# What you will do
Find every line below where the string "Tessellation" shows up, and copy those lines.

# Records for this task
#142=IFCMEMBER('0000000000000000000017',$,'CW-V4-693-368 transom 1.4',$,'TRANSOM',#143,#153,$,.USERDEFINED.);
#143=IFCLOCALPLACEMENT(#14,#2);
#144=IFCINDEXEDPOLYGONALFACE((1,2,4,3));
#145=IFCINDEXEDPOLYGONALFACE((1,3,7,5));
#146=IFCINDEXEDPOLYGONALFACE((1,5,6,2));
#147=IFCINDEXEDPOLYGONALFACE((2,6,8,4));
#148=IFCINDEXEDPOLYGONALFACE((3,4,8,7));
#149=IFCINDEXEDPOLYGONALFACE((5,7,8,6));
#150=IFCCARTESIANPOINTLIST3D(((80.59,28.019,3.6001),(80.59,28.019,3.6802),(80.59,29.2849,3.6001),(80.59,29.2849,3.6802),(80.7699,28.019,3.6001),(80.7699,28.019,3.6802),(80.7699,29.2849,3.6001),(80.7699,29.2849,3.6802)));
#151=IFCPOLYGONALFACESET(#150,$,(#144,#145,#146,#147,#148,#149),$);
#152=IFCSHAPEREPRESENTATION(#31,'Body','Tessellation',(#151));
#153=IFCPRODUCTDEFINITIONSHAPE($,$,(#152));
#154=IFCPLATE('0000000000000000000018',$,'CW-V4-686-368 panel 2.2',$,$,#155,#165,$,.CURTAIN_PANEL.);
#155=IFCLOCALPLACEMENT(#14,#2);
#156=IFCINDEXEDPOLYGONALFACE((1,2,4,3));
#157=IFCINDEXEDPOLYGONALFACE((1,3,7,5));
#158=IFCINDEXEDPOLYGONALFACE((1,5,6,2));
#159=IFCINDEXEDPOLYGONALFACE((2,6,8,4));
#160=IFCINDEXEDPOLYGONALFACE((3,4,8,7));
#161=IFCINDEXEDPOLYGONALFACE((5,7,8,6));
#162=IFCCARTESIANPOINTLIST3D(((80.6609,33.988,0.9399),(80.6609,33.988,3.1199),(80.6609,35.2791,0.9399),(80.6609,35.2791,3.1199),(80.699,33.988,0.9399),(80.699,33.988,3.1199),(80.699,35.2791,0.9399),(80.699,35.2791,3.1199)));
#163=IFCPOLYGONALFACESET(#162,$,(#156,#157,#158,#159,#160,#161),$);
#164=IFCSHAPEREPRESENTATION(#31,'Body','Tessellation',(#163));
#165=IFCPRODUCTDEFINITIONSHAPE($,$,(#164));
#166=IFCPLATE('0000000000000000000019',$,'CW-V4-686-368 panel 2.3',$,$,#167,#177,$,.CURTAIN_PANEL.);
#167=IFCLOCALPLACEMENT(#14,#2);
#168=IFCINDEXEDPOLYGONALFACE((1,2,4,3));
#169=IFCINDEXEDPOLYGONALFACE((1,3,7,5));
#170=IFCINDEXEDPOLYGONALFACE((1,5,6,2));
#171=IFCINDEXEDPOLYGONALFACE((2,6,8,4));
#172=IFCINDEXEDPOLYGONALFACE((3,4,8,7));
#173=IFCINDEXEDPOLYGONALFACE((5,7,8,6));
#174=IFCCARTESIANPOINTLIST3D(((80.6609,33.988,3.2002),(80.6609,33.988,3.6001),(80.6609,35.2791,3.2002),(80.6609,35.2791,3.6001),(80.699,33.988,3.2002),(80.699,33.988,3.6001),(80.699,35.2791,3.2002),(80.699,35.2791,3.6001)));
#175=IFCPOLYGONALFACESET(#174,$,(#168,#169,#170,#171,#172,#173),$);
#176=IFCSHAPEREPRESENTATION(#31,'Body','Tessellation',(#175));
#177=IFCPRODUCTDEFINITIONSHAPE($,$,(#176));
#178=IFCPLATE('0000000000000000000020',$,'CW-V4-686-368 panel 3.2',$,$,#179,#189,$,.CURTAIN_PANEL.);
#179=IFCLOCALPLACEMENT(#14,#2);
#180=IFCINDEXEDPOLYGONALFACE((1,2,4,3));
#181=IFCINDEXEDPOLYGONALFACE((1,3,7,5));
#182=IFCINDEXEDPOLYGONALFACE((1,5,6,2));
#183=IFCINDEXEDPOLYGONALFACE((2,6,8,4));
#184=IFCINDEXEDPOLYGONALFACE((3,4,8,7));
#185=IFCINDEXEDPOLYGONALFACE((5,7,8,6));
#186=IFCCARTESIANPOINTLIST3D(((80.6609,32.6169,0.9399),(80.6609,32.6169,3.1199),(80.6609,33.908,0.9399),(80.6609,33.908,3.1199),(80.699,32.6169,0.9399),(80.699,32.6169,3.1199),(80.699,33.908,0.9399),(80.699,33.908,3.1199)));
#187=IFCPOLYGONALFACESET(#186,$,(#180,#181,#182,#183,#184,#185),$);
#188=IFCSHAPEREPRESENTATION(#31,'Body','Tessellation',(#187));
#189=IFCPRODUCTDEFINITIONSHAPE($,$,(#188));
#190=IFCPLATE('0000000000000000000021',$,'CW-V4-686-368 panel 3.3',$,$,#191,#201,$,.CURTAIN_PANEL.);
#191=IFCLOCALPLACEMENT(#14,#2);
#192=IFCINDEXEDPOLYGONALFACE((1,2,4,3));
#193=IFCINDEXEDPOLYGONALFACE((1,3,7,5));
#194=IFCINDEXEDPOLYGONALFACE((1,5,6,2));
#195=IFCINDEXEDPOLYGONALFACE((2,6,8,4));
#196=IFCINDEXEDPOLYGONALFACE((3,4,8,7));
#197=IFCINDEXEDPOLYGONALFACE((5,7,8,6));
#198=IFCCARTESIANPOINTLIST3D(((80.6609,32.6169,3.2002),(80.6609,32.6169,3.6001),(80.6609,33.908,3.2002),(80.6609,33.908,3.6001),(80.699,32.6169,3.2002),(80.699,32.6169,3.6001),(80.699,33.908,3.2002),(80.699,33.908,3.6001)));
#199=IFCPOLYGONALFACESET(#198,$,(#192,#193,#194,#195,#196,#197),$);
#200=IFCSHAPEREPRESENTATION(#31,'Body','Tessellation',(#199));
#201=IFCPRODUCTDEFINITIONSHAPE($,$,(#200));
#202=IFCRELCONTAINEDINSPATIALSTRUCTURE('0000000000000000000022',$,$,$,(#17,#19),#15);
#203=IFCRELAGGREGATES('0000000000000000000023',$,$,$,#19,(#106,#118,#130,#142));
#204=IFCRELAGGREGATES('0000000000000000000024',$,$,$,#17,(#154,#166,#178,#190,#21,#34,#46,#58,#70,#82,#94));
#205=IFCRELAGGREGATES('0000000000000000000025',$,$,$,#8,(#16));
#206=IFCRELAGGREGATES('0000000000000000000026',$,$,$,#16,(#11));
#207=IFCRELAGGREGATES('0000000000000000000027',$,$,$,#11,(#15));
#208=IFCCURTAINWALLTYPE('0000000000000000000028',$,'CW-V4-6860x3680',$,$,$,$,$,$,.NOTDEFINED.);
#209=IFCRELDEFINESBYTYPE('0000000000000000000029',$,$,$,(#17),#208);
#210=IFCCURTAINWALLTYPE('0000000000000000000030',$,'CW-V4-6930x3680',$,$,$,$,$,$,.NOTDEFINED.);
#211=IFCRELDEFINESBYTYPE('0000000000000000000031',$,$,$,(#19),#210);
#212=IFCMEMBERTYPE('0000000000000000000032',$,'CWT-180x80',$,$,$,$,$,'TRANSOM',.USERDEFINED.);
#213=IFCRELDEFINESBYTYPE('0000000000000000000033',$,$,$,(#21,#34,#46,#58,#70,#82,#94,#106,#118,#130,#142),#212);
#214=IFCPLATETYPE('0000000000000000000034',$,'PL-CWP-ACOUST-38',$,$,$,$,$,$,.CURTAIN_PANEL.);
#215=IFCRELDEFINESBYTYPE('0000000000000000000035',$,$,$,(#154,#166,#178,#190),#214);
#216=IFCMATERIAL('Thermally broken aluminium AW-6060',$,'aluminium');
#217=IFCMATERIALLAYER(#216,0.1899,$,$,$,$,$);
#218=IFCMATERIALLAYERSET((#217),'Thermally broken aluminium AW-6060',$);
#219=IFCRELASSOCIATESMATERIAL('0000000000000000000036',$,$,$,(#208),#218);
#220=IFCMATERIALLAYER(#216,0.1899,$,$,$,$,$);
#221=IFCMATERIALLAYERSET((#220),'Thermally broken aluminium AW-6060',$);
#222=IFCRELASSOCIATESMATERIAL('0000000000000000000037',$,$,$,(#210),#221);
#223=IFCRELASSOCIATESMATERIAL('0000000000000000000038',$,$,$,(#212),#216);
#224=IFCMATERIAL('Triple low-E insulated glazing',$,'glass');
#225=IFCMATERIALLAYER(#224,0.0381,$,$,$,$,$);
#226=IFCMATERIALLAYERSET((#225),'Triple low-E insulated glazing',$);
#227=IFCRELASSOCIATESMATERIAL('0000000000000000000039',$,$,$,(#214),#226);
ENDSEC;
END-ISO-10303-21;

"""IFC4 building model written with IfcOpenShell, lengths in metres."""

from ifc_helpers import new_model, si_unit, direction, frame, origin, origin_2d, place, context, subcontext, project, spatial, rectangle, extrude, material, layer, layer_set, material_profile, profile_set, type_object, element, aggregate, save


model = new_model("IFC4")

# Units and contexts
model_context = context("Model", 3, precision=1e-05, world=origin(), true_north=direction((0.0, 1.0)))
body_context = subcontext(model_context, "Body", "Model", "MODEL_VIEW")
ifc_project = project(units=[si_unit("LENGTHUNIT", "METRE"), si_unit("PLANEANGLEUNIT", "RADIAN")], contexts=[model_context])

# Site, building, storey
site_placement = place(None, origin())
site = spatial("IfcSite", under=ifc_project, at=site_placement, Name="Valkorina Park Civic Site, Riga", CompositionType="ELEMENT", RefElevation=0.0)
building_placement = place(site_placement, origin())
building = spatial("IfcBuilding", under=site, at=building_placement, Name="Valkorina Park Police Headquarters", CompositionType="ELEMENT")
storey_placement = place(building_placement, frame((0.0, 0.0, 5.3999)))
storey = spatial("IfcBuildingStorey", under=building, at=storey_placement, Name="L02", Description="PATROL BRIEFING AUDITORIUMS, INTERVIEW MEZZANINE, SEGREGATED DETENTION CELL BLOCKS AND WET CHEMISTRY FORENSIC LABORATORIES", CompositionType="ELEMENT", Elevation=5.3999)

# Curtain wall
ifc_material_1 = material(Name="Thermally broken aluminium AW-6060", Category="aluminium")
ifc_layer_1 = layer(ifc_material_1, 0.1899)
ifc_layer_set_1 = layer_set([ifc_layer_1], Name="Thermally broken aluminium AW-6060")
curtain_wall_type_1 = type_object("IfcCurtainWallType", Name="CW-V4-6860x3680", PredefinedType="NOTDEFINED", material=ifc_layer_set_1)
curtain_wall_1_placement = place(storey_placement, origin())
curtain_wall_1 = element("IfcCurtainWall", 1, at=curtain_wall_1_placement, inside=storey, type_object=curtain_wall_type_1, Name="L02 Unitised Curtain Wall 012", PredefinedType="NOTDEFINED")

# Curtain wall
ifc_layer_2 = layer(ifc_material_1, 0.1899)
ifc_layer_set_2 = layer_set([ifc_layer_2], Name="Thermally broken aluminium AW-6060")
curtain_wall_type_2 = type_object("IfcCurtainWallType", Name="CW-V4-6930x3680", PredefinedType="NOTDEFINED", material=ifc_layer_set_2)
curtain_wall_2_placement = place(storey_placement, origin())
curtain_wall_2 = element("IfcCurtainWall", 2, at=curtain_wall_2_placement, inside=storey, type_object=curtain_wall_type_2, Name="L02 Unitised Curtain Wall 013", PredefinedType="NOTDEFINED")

# Result
#152=IFCSHAPEREPRESENTATION(#31,'Body','Tessellation',(#151));
#164=IFCSHAPEREPRESENTATION(#31,'Body','Tessellation',(#163));
#176=IFCSHAPEREPRESENTATION(#31,'Body','Tessellation',(#175));
#188=IFCSHAPEREPRESENTATION(#31,'Body','Tessellation',(#187));
#200=IFCSHAPEREPRESENTATION(#31,'Body','Tessellation',(#199));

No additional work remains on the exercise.